Data for this task:
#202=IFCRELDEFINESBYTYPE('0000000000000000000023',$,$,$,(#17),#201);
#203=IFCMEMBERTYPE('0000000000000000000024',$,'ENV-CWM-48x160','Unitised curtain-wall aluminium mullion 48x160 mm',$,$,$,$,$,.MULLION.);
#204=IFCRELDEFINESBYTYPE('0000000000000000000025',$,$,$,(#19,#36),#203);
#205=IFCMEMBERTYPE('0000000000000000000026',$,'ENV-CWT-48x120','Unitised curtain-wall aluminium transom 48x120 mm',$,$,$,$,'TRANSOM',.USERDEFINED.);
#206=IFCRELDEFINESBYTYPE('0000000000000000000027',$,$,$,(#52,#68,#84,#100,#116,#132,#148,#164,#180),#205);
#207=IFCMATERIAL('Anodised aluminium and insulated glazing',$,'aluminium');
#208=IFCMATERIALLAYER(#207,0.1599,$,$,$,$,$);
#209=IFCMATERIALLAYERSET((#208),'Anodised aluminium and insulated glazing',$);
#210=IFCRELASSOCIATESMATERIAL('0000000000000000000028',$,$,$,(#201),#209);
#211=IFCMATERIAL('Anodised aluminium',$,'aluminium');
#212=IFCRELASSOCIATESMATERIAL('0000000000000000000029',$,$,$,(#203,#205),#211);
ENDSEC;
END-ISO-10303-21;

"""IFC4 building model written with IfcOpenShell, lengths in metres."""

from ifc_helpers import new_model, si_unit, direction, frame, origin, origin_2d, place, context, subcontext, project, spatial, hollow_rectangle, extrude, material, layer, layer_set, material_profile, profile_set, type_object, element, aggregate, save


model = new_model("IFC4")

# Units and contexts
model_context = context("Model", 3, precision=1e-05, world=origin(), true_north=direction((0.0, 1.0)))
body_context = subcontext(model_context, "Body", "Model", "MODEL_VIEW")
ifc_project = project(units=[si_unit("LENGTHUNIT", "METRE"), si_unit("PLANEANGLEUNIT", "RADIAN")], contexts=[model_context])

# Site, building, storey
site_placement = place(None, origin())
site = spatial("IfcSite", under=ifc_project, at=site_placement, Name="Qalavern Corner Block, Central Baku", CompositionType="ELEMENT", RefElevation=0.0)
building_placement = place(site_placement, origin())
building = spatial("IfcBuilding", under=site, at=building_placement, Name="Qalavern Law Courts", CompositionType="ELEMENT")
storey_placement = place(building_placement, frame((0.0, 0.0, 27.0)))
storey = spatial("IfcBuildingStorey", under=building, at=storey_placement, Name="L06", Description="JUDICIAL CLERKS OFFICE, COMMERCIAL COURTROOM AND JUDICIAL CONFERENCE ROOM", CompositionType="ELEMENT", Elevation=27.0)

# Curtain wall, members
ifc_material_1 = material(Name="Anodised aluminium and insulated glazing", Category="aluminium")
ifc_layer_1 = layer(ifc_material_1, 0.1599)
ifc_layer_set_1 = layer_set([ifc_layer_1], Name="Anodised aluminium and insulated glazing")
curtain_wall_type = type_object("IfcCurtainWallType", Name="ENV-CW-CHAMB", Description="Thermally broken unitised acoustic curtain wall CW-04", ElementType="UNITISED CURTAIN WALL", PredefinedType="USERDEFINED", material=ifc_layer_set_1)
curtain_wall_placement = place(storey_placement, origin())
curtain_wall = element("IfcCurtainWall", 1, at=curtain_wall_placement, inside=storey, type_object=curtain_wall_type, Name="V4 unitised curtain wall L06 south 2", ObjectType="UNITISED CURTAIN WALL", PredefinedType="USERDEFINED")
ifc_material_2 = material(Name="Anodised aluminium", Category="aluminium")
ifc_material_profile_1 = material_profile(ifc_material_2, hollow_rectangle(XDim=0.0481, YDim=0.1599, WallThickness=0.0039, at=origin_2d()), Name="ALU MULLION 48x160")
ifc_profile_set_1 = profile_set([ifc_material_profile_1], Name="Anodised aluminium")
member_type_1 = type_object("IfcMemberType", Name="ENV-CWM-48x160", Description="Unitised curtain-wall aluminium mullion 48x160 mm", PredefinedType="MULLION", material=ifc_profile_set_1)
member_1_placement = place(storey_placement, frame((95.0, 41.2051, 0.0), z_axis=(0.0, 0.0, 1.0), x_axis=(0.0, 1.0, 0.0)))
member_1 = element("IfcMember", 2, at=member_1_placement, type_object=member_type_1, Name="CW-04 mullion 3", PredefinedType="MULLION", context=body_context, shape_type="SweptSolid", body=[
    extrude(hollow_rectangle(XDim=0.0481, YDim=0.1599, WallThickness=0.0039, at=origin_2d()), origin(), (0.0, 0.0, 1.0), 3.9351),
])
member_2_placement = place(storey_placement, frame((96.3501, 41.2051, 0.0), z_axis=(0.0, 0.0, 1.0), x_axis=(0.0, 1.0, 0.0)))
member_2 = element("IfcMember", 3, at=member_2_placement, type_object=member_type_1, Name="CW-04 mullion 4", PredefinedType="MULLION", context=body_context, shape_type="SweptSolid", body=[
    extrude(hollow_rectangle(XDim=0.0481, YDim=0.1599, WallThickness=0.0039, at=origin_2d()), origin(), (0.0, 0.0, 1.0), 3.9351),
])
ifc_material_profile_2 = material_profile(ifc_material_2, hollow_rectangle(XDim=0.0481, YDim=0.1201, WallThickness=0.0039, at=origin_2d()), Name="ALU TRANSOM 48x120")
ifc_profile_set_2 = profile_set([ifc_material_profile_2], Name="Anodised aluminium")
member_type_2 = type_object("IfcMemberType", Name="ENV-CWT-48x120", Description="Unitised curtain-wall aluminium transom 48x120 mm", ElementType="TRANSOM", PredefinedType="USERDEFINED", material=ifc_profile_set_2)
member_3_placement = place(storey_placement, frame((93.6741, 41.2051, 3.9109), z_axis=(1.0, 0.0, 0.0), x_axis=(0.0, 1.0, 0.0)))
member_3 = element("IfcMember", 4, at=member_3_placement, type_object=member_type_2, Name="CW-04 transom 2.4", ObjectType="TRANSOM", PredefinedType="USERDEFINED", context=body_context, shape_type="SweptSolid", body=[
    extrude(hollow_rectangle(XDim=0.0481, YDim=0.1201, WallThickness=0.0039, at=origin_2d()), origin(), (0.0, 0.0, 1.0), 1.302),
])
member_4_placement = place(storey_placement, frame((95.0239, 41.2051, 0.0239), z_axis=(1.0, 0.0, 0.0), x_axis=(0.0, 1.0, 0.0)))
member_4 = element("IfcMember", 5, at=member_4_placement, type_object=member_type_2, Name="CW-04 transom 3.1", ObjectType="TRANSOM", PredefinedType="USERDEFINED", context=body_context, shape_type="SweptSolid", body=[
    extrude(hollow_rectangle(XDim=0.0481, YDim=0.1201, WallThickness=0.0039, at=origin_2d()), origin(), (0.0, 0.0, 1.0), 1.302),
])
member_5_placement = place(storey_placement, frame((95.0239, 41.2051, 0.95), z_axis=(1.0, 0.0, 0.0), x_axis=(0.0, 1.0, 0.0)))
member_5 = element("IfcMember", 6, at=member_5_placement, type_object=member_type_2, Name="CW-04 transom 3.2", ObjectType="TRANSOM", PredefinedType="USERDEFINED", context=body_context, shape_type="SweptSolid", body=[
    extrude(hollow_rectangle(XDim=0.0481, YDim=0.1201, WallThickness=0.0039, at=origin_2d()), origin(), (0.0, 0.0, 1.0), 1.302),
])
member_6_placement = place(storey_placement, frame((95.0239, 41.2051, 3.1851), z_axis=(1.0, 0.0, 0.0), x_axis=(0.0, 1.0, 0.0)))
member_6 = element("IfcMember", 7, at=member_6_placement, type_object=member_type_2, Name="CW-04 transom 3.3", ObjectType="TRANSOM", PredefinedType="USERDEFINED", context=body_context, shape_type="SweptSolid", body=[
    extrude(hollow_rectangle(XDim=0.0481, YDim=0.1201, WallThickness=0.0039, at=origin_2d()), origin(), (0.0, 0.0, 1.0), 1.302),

Task to complete:
Your answer should be the lines of the listing above between the line holding "#211=IFCMATERIAL('Anodised aluminium',$,'aluminium');" and the line holding "building model written", inclusive, restated word for word and alone.

Reply:
#211=IFCMATERIAL('Anodised aluminium',$,'aluminium');
#212=IFCRELASSOCIATESMATERIAL('0000000000000000000029',$,$,$,(#203,#205),#211);
ENDSEC;
END-ISO-10303-21;

"""IFC4 building model written with IfcOpenShell, lengths in metres."""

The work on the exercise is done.